═══ RECORDED DATA
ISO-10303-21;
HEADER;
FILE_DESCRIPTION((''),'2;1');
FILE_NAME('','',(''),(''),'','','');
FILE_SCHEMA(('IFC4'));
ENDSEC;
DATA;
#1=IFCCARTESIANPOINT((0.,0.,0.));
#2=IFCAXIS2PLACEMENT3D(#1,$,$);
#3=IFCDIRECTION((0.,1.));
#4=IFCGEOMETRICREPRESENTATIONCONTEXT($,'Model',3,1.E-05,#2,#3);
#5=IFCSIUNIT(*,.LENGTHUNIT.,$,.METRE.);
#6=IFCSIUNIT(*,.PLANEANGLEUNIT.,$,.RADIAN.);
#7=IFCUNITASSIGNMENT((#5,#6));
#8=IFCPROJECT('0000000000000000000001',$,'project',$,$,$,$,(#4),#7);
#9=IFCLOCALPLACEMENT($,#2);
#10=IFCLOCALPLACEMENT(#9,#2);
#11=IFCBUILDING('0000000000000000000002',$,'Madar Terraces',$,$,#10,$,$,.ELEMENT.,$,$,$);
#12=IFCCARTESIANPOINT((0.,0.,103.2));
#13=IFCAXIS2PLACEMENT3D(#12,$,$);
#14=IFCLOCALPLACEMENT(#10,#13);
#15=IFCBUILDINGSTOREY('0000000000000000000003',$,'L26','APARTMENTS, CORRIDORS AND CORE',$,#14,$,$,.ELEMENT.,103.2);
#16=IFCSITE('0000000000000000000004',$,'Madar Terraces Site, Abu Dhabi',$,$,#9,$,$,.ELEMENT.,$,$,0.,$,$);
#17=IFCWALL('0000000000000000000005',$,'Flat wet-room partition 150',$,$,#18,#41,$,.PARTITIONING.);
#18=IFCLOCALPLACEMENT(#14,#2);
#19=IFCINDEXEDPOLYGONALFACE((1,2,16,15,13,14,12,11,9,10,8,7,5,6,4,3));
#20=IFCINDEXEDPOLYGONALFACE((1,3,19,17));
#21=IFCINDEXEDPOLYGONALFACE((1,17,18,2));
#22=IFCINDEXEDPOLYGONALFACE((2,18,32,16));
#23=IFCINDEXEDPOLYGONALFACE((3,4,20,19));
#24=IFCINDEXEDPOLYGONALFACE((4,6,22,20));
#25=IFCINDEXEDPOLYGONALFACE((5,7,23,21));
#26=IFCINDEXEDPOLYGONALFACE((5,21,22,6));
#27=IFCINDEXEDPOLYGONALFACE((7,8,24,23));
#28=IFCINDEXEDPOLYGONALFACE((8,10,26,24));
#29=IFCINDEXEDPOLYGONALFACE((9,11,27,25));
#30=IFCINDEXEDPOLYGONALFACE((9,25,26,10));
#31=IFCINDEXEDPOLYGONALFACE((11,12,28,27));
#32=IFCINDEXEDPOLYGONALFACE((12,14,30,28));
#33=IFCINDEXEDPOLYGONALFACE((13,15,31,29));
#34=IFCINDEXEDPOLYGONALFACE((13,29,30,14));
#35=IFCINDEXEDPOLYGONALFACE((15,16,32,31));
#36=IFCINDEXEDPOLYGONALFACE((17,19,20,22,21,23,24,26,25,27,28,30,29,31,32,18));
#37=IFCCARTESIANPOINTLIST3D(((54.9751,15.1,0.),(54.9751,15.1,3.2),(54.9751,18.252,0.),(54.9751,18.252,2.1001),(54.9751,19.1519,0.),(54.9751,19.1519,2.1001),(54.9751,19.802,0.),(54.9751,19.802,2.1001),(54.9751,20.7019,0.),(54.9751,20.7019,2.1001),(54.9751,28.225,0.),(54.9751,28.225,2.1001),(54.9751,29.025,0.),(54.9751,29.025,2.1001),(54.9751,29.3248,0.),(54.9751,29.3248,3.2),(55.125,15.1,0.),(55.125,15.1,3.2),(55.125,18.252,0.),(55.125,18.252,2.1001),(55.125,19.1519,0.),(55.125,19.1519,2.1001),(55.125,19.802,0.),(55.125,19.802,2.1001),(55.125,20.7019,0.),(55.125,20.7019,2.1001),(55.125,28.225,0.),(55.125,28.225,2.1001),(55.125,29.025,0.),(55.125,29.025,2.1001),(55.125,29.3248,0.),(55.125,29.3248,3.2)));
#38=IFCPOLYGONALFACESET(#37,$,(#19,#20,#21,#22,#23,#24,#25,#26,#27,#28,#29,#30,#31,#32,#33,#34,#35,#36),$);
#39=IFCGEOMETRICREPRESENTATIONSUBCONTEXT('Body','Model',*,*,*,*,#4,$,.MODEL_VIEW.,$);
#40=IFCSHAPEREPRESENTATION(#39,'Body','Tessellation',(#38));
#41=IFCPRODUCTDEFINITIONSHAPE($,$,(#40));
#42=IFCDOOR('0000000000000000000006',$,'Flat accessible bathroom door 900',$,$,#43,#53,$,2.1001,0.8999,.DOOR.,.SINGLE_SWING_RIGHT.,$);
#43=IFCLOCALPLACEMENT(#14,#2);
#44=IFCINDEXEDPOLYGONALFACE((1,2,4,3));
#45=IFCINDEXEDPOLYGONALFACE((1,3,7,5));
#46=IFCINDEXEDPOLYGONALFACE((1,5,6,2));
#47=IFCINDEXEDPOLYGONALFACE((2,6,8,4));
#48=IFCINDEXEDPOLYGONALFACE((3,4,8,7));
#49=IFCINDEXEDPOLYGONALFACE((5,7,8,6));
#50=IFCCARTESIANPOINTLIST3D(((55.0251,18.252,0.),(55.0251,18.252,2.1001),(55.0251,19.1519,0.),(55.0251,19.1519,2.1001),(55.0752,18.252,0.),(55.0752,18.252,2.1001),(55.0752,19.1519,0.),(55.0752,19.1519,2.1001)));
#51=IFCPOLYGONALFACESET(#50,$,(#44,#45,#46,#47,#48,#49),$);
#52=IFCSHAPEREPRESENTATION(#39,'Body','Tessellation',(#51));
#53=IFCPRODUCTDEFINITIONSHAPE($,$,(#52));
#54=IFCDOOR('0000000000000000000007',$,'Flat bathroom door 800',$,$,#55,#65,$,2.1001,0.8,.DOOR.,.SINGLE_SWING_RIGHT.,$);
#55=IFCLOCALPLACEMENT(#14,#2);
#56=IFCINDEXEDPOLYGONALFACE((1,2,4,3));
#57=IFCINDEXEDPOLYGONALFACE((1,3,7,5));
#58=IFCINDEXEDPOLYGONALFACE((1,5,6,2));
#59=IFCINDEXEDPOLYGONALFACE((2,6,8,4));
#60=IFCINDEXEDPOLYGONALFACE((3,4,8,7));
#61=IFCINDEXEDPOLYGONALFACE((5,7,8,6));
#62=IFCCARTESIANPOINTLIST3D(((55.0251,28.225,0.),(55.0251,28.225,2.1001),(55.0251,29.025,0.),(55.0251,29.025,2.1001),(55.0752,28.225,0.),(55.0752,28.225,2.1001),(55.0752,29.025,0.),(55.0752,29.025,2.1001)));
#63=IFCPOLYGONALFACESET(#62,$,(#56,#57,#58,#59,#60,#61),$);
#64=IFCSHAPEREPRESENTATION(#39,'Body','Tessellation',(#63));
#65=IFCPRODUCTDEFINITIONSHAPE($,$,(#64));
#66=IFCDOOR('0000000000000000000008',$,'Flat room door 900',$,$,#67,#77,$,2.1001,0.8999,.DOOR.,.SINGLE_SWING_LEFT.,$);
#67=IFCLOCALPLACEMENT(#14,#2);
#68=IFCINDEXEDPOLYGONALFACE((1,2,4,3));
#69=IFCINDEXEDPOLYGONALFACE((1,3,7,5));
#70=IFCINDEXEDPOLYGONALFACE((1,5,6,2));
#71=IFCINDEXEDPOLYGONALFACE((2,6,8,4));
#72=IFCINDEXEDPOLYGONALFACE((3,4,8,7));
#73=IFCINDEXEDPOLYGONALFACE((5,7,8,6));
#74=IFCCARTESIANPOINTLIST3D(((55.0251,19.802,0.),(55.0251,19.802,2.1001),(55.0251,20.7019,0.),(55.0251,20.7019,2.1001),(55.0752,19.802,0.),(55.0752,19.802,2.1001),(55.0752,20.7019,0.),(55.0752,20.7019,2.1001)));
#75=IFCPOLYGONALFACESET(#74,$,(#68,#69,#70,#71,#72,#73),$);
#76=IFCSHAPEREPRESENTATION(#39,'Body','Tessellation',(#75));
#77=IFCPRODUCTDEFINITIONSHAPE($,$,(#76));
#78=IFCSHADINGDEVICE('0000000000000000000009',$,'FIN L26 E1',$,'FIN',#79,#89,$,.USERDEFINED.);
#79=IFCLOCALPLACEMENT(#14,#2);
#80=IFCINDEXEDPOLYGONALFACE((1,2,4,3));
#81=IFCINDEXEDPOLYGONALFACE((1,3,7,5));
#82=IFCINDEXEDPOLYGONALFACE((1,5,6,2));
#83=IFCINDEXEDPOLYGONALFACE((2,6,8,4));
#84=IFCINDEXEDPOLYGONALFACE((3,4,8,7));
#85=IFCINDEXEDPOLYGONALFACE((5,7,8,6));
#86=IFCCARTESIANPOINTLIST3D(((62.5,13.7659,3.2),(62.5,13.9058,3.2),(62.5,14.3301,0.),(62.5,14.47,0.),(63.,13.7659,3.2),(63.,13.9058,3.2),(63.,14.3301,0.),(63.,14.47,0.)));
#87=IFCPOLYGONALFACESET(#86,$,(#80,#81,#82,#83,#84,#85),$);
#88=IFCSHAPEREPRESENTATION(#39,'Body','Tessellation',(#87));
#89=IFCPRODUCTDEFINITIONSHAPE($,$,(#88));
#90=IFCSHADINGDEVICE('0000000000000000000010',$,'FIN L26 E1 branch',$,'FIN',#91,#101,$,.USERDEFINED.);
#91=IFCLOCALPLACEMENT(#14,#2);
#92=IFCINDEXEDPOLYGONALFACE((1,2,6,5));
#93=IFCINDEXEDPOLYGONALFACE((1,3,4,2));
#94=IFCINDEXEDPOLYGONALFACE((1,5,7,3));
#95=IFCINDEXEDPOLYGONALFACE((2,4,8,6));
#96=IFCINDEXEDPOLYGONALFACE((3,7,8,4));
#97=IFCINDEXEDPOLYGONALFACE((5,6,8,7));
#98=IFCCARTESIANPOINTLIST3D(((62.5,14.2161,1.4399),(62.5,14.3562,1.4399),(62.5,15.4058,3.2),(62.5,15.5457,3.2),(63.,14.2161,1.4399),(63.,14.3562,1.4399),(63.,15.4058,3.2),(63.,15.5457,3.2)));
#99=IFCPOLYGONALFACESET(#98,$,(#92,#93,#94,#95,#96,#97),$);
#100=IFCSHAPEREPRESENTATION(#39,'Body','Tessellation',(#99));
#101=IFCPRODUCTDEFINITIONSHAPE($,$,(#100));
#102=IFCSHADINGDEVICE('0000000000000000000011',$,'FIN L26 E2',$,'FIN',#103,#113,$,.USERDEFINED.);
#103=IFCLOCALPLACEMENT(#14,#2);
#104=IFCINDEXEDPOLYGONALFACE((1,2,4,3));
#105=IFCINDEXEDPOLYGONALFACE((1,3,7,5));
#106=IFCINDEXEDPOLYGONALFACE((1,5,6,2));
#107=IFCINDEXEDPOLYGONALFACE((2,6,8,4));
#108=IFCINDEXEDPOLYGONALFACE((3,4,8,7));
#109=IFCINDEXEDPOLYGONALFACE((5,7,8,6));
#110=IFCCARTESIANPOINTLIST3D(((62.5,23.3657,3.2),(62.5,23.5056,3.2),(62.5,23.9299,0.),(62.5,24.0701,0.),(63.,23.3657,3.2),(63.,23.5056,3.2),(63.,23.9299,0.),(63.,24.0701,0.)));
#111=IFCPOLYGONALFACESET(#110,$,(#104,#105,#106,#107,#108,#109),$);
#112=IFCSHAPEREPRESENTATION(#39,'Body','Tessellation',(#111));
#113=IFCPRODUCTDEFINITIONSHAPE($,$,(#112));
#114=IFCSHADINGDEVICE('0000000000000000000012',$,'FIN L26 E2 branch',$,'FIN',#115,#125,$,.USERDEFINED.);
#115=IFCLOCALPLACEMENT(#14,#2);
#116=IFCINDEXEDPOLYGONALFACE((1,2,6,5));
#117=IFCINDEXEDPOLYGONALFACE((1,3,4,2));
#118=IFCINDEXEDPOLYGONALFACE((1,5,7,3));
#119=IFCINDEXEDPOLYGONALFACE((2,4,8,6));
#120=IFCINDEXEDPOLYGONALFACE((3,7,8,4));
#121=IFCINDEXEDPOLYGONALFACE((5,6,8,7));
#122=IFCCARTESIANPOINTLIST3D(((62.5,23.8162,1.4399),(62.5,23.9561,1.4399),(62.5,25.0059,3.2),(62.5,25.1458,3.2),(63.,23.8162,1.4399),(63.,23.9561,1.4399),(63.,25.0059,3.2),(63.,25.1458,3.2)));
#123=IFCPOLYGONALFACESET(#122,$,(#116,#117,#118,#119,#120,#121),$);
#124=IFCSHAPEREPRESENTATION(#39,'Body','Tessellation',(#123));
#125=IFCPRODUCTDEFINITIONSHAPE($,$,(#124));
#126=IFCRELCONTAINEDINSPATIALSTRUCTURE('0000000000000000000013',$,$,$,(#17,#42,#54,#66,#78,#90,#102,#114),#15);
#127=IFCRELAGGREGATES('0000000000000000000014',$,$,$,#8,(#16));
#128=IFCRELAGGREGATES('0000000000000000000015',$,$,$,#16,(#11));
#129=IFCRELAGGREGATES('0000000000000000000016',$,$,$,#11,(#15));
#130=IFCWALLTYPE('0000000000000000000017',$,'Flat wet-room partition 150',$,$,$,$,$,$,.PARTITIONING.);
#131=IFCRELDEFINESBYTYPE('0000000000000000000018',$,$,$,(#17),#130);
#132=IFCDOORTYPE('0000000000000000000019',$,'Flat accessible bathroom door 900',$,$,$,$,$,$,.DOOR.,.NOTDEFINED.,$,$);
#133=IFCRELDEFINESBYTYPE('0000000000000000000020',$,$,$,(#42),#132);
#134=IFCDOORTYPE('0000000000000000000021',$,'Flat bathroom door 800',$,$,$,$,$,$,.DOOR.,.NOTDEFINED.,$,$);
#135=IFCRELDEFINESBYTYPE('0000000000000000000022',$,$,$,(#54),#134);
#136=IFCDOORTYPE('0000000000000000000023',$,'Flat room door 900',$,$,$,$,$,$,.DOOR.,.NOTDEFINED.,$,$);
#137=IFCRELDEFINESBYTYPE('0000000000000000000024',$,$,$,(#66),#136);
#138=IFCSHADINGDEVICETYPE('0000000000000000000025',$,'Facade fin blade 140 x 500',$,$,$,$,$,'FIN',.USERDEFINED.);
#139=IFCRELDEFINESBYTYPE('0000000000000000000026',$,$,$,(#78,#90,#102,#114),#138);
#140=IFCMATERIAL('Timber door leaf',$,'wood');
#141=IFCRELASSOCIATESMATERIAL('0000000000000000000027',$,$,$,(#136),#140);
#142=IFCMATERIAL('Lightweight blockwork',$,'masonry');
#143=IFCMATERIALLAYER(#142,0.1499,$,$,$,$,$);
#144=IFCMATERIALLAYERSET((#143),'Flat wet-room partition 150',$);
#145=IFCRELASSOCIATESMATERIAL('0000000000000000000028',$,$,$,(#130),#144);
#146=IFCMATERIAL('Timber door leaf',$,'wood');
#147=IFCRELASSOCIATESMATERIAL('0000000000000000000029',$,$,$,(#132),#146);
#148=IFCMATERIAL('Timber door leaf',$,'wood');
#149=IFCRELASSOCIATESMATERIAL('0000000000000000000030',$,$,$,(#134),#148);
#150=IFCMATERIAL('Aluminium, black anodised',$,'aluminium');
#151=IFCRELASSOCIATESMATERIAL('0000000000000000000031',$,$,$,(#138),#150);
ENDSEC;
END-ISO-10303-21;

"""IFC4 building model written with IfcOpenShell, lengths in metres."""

from ifc_helpers import new_model, si_unit, direction, frame, frame_2d, origin, place, context, subcontext, project, spatial, polyline, rectangle, outline, extrude, material, layer, layer_set, type_object, element, fill, save


model = new_model("IFC4")

# Units and contexts
model_context = context("Model", 3, precision=1e-05, world=origin(), true_north=direction((0.0, 1.0)))
body_context = subcontext(model_context, "Body", "Model", "MODEL_VIEW")
ifc_project = project(units=[si_unit("LENGTHUNIT", "METRE"), si_unit("PLANEANGLEUNIT", "RADIAN")], contexts=[model_context])

# Site, building, storey
site_placement = place(None, origin())
site = spatial("IfcSite", under=ifc_project, at=site_placement, Name="Madar Terraces Site, Abu Dhabi", CompositionType="ELEMENT", RefElevation=0.0)
building_placement = place(site_placement, origin())
building = spatial("IfcBuilding", under=site, at=building_placement, Name="Madar Terraces", CompositionType="ELEMENT")
storey_placement = place(building_placement, frame((0.0, 0.0, 103.2)))
storey = spatial("IfcBuildingStorey", under=building, at=storey_placement, Name="L26", Description="APARTMENTS, CORRIDORS AND CORE", CompositionType="ELEMENT", Elevation=103.2)

# Shared definitions
ifc_material_1 = material(Name="Timber door leaf", Category="wood")
door_type_1 = type_object("IfcDoorType", Name="Flat room door 900", OperationType="NOTDEFINED", PredefinedType="DOOR", material=ifc_material_1)

# Shared definitions
ifc_material_2 = material(Name="Lightweight blockwork", Category="masonry")
ifc_layer_1 = layer(ifc_material_2, 0.1499)
ifc_layer_set_1 = layer_set([ifc_layer_1], Name="Flat wet-room partition 150")
wall_type_1 = type_object("IfcWallType", Name="Flat wet-room partition 150", PredefinedType="PARTITIONING", material=ifc_layer_set_1)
══════
• [REQUIRED WORK]:
From the first line of the listing above to the line with "#26=IFCINDEXEDPOLYGONALFACE((5,21,22,6));", please transcribe each line exactly, both ends included, and nothing beyond that.

• [RESULT OF THE TASK]:
ISO-10303-21;
HEADER;
FILE_DESCRIPTION((''),'2;1');
FILE_NAME('','',(''),(''),'','','');
FILE_SCHEMA(('IFC4'));
ENDSEC;
DATA;
#1=IFCCARTESIANPOINT((0.,0.,0.));
#2=IFCAXIS2PLACEMENT3D(#1,$,$);
#3=IFCDIRECTION((0.,1.));
#4=IFCGEOMETRICREPRESENTATIONCONTEXT($,'Model',3,1.E-05,#2,#3);
#5=IFCSIUNIT(*,.LENGTHUNIT.,$,.METRE.);
#6=IFCSIUNIT(*,.PLANEANGLEUNIT.,$,.RADIAN.);
#7=IFCUNITASSIGNMENT((#5,#6));
#8=IFCPROJECT('0000000000000000000001',$,'project',$,$,$,$,(#4),#7);
#9=IFCLOCALPLACEMENT($,#2);
#10=IFCLOCALPLACEMENT(#9,#2);
#11=IFCBUILDING('0000000000000000000002',$,'Madar Terraces',$,$,#10,$,$,.ELEMENT.,$,$,$);
#12=IFCCARTESIANPOINT((0.,0.,103.2));
#13=IFCAXIS2PLACEMENT3D(#12,$,$);
#14=IFCLOCALPLACEMENT(#10,#13);
#15=IFCBUILDINGSTOREY('0000000000000000000003',$,'L26','APARTMENTS, CORRIDORS AND CORE',$,#14,$,$,.ELEMENT.,103.2);
#16=IFCSITE('0000000000000000000004',$,'Madar Terraces Site, Abu Dhabi',$,$,#9,$,$,.ELEMENT.,$,$,0.,$,$);
#17=IFCWALL('0000000000000000000005',$,'Flat wet-room partition 150',$,$,#18,#41,$,.PARTITIONING.);
#18=IFCLOCALPLACEMENT(#14,#2);
#19=IFCINDEXEDPOLYGONALFACE((1,2,16,15,13,14,12,11,9,10,8,7,5,6,4,3));
#20=IFCINDEXEDPOLYGONALFACE((1,3,19,17));
#21=IFCINDEXEDPOLYGONALFACE((1,17,18,2));
#22=IFCINDEXEDPOLYGONALFACE((2,18,32,16));
#23=IFCINDEXEDPOLYGONALFACE((3,4,20,19));
#24=IFCINDEXEDPOLYGONALFACE((4,6,22,20));
#25=IFCINDEXEDPOLYGONALFACE((5,7,23,21));
#26=IFCINDEXEDPOLYGONALFACE((5,21,22,6));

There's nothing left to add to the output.